• Aim of the task
Count how many lines in the data below include "IFCPOLYGONALFACESET". Answer with the number only.

• Data extracted from a collection
* * * *

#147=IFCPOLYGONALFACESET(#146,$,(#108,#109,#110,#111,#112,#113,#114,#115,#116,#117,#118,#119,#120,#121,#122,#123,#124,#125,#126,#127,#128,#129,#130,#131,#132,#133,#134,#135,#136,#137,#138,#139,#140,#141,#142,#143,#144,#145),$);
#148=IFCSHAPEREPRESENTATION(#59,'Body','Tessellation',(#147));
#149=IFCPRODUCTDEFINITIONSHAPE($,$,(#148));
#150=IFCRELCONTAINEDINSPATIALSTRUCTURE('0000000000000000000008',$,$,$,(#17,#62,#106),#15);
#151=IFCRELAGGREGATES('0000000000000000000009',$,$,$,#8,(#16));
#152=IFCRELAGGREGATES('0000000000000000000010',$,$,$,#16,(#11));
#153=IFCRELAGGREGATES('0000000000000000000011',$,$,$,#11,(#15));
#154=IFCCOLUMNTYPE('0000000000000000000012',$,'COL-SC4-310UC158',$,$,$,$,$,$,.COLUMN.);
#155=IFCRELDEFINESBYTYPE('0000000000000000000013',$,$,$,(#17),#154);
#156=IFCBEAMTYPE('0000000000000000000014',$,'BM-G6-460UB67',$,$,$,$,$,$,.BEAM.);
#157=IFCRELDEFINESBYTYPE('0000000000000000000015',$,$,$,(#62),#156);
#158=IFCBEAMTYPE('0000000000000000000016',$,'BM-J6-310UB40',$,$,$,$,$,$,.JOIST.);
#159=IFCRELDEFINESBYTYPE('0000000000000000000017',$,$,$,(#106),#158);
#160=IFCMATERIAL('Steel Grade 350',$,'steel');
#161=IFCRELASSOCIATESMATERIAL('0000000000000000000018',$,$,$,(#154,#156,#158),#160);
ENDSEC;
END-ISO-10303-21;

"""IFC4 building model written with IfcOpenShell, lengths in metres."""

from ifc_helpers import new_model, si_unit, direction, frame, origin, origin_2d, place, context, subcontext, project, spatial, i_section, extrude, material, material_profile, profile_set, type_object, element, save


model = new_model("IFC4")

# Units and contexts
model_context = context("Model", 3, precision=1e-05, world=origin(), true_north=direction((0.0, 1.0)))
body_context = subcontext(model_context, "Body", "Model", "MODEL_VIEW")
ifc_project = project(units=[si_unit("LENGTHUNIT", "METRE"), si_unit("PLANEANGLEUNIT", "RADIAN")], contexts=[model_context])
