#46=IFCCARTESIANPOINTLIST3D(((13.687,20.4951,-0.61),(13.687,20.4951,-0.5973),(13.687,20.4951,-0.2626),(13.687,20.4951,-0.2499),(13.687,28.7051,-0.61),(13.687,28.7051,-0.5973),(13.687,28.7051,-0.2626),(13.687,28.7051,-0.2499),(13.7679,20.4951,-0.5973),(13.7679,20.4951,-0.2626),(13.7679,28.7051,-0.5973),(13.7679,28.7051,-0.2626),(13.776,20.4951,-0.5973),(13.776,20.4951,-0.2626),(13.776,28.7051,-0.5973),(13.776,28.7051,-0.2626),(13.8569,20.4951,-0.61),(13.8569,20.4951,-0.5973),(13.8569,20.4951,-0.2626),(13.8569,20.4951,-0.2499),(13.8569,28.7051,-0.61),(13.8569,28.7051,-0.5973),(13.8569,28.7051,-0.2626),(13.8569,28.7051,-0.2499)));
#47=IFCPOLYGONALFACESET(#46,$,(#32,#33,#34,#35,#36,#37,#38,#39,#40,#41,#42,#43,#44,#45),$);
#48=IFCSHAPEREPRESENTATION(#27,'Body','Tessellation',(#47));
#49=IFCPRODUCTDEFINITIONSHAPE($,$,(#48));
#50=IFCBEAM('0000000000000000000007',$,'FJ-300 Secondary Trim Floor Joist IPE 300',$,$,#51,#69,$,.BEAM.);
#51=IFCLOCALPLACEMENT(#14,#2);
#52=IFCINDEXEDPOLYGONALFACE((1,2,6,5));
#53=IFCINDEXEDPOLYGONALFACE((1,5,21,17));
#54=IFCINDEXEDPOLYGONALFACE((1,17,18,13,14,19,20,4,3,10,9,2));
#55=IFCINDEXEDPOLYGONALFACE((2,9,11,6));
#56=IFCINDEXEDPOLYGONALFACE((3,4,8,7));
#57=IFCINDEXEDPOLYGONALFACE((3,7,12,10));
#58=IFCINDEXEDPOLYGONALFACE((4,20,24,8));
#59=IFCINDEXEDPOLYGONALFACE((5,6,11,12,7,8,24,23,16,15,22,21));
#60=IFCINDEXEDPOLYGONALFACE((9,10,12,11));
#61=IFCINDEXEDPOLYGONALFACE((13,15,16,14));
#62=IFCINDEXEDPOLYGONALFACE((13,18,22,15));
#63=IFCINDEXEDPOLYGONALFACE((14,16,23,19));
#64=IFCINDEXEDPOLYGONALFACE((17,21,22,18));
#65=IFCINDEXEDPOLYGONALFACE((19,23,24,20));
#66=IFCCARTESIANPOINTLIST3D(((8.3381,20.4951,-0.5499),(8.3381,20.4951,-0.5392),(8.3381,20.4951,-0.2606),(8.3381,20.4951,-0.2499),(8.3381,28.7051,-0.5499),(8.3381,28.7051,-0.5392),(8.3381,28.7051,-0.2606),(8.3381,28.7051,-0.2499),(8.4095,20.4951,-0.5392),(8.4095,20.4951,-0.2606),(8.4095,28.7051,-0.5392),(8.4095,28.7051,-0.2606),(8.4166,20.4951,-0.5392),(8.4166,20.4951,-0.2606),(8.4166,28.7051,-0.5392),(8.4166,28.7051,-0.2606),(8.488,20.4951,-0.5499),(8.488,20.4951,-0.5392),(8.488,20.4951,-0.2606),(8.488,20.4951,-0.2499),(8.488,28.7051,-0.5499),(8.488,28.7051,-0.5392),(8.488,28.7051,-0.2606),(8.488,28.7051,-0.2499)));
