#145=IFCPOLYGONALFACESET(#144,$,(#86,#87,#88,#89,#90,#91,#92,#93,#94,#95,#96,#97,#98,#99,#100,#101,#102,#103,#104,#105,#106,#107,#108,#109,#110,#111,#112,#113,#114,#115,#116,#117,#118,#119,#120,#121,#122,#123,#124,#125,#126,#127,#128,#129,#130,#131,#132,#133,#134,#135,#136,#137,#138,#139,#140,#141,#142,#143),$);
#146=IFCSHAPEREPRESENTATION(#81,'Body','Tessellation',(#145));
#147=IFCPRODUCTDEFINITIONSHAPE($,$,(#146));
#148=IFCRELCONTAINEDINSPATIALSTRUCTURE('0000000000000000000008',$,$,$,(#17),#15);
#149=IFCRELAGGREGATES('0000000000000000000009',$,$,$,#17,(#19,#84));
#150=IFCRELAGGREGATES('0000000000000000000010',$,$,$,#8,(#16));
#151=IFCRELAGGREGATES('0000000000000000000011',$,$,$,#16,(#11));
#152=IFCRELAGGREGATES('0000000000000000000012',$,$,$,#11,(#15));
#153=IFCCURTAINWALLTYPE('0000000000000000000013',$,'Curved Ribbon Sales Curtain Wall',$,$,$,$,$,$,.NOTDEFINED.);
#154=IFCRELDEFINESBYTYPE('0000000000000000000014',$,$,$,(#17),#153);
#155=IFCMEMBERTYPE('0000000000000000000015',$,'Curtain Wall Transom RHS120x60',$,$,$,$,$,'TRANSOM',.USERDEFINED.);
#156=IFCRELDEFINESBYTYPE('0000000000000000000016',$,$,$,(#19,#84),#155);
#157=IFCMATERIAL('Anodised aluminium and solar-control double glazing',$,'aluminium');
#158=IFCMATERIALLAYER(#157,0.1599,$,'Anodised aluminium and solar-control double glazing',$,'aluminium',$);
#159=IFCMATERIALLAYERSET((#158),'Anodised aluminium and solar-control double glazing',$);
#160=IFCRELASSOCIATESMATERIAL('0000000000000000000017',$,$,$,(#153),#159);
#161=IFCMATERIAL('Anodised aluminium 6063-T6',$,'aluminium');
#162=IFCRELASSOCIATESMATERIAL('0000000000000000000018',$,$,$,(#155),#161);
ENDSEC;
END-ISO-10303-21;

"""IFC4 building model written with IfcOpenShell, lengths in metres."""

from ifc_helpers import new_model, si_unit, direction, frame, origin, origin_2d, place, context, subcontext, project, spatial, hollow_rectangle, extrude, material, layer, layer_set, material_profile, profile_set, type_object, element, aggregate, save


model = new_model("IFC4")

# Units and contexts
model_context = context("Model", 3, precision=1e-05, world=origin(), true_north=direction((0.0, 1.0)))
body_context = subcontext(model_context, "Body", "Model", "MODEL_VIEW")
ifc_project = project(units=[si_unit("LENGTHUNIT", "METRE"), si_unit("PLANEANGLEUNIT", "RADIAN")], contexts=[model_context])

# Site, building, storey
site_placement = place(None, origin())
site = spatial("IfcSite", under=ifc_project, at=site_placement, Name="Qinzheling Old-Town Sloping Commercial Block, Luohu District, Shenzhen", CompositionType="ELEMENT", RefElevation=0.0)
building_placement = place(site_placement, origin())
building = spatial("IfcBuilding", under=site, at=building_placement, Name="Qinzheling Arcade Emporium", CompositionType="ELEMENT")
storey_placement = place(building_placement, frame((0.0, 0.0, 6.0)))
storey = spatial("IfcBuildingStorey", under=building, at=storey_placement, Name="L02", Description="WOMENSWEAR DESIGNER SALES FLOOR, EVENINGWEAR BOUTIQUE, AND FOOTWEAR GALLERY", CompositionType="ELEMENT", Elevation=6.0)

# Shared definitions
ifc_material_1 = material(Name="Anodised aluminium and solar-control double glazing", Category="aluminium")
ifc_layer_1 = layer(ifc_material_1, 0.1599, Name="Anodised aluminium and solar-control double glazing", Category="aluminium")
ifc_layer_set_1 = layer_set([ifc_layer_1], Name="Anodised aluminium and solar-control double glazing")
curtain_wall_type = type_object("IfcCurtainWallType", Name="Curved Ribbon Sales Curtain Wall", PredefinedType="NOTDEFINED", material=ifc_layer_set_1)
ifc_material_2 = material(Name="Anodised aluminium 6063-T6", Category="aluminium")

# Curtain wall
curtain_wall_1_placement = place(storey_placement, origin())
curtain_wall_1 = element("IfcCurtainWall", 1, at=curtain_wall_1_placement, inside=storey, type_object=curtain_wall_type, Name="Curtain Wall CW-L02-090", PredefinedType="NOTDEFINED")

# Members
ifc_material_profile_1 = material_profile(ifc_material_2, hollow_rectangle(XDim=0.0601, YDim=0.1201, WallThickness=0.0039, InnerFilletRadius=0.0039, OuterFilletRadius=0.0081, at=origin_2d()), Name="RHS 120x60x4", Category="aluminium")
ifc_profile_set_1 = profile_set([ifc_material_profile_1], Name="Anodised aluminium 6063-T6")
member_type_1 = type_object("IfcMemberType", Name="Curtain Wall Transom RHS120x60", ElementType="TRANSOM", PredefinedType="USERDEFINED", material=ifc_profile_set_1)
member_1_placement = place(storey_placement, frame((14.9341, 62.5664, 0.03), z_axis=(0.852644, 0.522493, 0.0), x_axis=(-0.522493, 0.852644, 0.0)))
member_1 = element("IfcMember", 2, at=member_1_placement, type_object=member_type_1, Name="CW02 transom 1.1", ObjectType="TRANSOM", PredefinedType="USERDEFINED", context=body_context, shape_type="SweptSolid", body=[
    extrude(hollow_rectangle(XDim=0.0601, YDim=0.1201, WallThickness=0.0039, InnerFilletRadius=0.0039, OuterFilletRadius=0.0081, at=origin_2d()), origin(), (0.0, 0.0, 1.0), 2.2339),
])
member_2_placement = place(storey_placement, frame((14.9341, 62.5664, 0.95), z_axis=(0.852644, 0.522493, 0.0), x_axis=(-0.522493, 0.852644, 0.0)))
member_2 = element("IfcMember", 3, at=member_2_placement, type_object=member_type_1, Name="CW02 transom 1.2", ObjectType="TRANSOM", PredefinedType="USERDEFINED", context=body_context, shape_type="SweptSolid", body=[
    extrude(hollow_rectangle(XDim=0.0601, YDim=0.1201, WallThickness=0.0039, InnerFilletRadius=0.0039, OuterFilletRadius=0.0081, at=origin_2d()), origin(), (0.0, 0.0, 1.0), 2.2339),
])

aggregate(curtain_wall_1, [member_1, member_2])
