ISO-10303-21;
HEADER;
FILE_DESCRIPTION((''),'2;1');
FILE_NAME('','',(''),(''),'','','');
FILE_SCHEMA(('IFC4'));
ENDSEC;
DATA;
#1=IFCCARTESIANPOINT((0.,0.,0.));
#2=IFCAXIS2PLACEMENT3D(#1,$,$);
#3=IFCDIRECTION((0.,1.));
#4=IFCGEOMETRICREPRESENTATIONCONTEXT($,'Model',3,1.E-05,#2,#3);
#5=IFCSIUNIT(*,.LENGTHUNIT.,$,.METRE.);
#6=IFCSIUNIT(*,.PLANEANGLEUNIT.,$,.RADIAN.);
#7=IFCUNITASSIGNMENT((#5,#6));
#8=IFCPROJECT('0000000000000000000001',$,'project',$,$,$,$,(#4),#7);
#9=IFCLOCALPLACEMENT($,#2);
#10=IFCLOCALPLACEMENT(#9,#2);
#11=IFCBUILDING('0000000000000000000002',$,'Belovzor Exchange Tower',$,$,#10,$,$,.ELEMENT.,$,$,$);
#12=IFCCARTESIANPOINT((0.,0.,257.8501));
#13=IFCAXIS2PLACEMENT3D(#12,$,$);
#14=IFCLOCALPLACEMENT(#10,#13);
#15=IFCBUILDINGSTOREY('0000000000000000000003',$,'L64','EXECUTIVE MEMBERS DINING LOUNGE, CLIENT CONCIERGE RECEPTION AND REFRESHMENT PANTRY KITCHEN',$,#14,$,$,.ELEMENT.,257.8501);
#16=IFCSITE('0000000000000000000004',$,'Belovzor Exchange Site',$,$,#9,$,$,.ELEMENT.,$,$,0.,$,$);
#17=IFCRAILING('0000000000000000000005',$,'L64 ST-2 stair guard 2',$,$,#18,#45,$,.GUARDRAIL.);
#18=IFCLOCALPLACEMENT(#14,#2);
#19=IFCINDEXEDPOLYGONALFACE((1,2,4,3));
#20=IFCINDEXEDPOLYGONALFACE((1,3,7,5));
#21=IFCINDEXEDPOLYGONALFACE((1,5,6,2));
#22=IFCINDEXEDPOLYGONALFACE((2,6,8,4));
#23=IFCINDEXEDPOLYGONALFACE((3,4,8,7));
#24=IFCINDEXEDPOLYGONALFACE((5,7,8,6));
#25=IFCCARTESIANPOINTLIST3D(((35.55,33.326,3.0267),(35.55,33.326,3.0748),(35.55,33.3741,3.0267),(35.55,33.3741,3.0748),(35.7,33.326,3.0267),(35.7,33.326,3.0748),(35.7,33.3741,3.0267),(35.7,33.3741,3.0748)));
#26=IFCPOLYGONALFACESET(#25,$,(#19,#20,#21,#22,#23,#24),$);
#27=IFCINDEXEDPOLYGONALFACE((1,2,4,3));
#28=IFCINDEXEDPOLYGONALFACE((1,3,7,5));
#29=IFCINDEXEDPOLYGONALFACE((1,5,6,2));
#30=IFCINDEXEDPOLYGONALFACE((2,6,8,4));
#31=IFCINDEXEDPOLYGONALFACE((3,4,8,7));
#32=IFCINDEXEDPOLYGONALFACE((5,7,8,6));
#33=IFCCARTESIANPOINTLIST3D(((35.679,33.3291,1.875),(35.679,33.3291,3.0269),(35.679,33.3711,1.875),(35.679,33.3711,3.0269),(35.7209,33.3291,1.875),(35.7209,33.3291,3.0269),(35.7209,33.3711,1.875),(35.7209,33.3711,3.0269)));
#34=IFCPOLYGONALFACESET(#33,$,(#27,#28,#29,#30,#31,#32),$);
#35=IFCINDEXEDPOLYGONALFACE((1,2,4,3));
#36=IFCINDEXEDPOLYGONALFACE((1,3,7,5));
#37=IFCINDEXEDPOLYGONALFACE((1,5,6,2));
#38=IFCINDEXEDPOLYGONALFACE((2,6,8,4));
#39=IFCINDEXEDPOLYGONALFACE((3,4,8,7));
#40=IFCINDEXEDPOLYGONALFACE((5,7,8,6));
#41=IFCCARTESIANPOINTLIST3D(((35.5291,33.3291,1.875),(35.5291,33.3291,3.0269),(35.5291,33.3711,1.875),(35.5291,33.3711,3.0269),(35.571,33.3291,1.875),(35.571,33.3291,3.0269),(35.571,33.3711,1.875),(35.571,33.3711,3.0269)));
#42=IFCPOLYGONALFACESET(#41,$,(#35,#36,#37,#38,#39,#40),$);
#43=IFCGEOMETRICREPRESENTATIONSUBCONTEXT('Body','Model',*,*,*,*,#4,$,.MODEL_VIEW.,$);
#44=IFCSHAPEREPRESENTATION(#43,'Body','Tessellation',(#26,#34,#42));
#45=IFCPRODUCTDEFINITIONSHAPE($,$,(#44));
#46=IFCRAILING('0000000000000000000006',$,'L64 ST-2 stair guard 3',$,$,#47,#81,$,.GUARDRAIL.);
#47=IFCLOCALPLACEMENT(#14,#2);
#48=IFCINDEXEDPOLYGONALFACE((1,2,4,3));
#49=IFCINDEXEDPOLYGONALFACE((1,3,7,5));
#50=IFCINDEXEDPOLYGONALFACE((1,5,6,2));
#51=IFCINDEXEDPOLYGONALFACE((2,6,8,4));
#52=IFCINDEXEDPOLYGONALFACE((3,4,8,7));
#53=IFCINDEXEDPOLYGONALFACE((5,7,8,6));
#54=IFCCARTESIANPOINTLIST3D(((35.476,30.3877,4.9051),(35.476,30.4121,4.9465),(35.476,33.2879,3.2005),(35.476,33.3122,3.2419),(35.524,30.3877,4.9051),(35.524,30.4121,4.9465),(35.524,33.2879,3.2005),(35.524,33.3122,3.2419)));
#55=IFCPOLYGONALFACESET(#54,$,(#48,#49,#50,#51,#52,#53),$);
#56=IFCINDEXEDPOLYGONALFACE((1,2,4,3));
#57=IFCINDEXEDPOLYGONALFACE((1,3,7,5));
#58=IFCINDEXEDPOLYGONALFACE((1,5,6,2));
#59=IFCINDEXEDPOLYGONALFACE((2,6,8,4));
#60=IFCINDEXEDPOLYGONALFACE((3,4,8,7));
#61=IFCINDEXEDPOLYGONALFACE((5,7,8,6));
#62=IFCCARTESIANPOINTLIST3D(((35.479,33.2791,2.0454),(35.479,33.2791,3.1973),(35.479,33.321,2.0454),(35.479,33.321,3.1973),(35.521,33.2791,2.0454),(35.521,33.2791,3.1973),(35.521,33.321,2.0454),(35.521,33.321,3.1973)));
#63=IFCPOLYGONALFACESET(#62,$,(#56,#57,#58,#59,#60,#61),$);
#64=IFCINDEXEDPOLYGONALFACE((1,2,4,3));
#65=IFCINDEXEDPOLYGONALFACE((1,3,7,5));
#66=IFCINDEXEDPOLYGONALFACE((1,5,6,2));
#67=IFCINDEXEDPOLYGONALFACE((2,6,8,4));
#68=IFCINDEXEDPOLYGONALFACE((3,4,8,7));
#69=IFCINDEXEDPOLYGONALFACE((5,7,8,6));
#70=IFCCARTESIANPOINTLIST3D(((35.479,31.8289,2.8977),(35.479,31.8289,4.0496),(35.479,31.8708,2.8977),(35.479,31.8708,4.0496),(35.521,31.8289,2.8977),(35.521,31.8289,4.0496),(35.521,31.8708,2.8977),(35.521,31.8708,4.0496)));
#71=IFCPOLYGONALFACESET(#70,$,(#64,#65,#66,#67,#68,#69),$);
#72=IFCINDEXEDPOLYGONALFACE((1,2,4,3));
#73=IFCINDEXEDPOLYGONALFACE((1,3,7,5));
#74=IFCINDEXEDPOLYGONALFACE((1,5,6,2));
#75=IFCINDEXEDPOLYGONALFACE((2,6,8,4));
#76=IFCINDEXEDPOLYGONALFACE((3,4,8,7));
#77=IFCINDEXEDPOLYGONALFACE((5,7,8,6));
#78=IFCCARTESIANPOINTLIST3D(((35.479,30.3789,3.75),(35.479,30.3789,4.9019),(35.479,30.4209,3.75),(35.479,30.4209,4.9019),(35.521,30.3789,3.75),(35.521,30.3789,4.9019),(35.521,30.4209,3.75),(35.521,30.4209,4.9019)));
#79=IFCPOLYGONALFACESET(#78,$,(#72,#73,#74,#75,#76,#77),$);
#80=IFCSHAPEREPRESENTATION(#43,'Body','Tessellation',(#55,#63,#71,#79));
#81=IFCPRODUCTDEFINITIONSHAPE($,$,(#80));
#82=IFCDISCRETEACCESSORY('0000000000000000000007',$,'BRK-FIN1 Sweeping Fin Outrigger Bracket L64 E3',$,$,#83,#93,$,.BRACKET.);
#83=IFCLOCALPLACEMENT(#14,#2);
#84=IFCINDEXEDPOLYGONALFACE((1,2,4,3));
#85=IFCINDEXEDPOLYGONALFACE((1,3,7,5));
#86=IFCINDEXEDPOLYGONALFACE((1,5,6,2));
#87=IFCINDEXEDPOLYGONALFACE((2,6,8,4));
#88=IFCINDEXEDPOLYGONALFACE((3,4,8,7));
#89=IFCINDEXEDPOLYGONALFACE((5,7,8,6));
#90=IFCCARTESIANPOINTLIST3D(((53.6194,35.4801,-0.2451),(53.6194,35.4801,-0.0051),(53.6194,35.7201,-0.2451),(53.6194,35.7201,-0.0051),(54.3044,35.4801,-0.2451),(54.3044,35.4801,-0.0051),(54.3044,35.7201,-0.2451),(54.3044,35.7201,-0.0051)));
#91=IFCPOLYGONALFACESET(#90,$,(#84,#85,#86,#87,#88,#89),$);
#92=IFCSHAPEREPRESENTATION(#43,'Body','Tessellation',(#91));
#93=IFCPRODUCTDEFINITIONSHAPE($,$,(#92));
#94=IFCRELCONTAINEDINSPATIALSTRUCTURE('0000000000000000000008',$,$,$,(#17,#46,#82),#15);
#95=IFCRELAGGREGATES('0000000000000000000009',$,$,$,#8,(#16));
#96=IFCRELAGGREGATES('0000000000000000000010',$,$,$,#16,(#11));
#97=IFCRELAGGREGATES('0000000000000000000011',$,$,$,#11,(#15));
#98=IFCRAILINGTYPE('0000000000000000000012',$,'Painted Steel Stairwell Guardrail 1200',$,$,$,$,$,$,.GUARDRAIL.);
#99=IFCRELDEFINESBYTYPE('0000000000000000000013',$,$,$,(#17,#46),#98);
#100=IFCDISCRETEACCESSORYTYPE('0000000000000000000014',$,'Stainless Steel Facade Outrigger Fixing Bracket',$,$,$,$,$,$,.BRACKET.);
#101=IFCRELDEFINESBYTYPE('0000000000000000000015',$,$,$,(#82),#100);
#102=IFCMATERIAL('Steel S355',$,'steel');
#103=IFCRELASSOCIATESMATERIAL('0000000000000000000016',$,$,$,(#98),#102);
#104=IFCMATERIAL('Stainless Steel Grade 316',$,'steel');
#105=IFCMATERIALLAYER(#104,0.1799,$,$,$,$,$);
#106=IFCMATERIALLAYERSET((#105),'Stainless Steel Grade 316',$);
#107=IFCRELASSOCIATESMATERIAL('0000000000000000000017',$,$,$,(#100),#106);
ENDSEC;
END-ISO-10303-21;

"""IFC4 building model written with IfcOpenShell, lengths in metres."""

from ifc_helpers import new_model, si_unit, direction, frame, origin, origin_2d, place, context, subcontext, project, spatial, rectangle, extrude, material, layer, layer_set, type_object, element, save


model = new_model("IFC4")

# Units and contexts
model_context = context("Model", 3, precision=1e-05, world=origin(), true_north=direction((0.0, 1.0)))
body_context = subcontext(model_context, "Body", "Model", "MODEL_VIEW")
ifc_project = project(units=[si_unit("LENGTHUNIT", "METRE"), si_unit("PLANEANGLEUNIT", "RADIAN")], contexts=[model_context])

# Site, building, storey
site_placement = place(None, origin())
site = spatial("IfcSite", under=ifc_project, at=site_placement, Name="Belovzor Exchange Site", CompositionType="ELEMENT", RefElevation=0.0)
building_placement = place(site_placement, origin())
building = spatial("IfcBuilding", under=site, at=building_placement, Name="Belovzor Exchange Tower", CompositionType="ELEMENT")
storey_placement = place(building_placement, frame((0.0, 0.0, 257.8501)))
storey = spatial("IfcBuildingStorey", under=building, at=storey_placement, Name="L64", Description="EXECUTIVE MEMBERS DINING LOUNGE, CLIENT CONCIERGE RECEPTION AND REFRESHMENT PANTRY KITCHEN", CompositionType="ELEMENT", Elevation=257.8501)

# Railings
ifc_material_1 = material(Name="Steel S355", Category="steel")
railing_type_1 = type_object("IfcRailingType", Name="Painted Steel Stairwell Guardrail 1200", PredefinedType="GUARDRAIL", material=ifc_material_1)
railing_1_placement = place(storey_placement, frame((35.7, 33.3501, 1.875)))
element("IfcRailing", 1, at=railing_1_placement, inside=storey, type_object=railing_type_1, Name="L64 ST-2 stair guard 2", PredefinedType="GUARDRAIL", context=body_context, shape_type="SweptSolid", body=[
    extrude(rectangle(XDim=0.0481, YDim=0.0481, at=origin_2d()), frame((0.0, 0.0, 1.1758), z_axis=(-1.0, 0.0, 0.0), x_axis=(0.0, -1.0, 0.0)), (0.0, 0.0, 1.0), 0.1499),
    extrude(rectangle(XDim=0.042, YDim=0.042, at=origin_2d()), origin(), (0.0, 0.0, 1.0), 1.1519),
    extrude(rectangle(XDim=0.042, YDim=0.042, at=origin_2d()), frame((-0.1499, 0.0, 0.0)), (0.0, 0.0, 1.0), 1.1519),
])
railing_2_placement = place(storey_placement, frame((35.5, 33.3, 2.0454)))
element("IfcRailing", 2, at=railing_2_placement, inside=storey, type_object=railing_type_1, Name="L64 ST-2 stair guard 3", PredefinedType="GUARDRAIL", context=body_context, shape_type="SweptSolid", body=[
    extrude(rectangle(XDim=0.0481, YDim=0.0481, at=origin_2d()), frame((0.0, 0.0, 1.1758), z_axis=(0.0, -0.862113, 0.506716), x_axis=(1.0, 0.0, 0.0)), (0.0, 0.0, 1.0), 3.364),
    extrude(rectangle(XDim=0.042, YDim=0.042, at=origin_2d()), origin(), (0.0, 0.0, 1.0), 1.1519),
    extrude(rectangle(XDim=0.042, YDim=0.042, at=origin_2d()), frame((0.0, -1.4502, 0.8523)), (0.0, 0.0, 1.0), 1.1519),
    extrude(rectangle(XDim=0.042, YDim=0.042, at=origin_2d()), frame((0.0, -2.9001, 1.7046)), (0.0, 0.0, 1.0), 1.1519),
])

# Discrete accessory
ifc_material_2 = material(Name="Stainless Steel Grade 316", Category="steel")
ifc_layer_1 = layer(ifc_material_2, 0.1799)
ifc_layer_set_1 = layer_set([ifc_layer_1], Name="Stainless Steel Grade 316")
discrete_accessory_type = type_object("IfcDiscreteAccessoryType", Name="Stainless Steel Facade Outrigger Fixing Bracket", PredefinedType="BRACKET", material=ifc_layer_set_1)
discrete_accessory_placement = place(storey_placement, frame((53.9619, 35.6001, -0.2451), z_axis=(0.0, 0.0, 1.0), x_axis=(1.0, 0.0, 0.0)))
element("IfcDiscreteAccessory", 3, at=discrete_accessory_placement, inside=storey, type_object=discrete_accessory_type, Name="BRK-FIN1 Sweeping Fin Outrigger Bracket L64 E3", PredefinedType="BRACKET", context=body_context, shape_type="SweptSolid", body=[
    extrude(rectangle(XDim=0.6851, YDim=0.24, at=origin_2d()), origin(), (0.0, 0.0, 1.0), 0.24),
])

save(model, "model.ifc")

* * * *

• Expected answer
11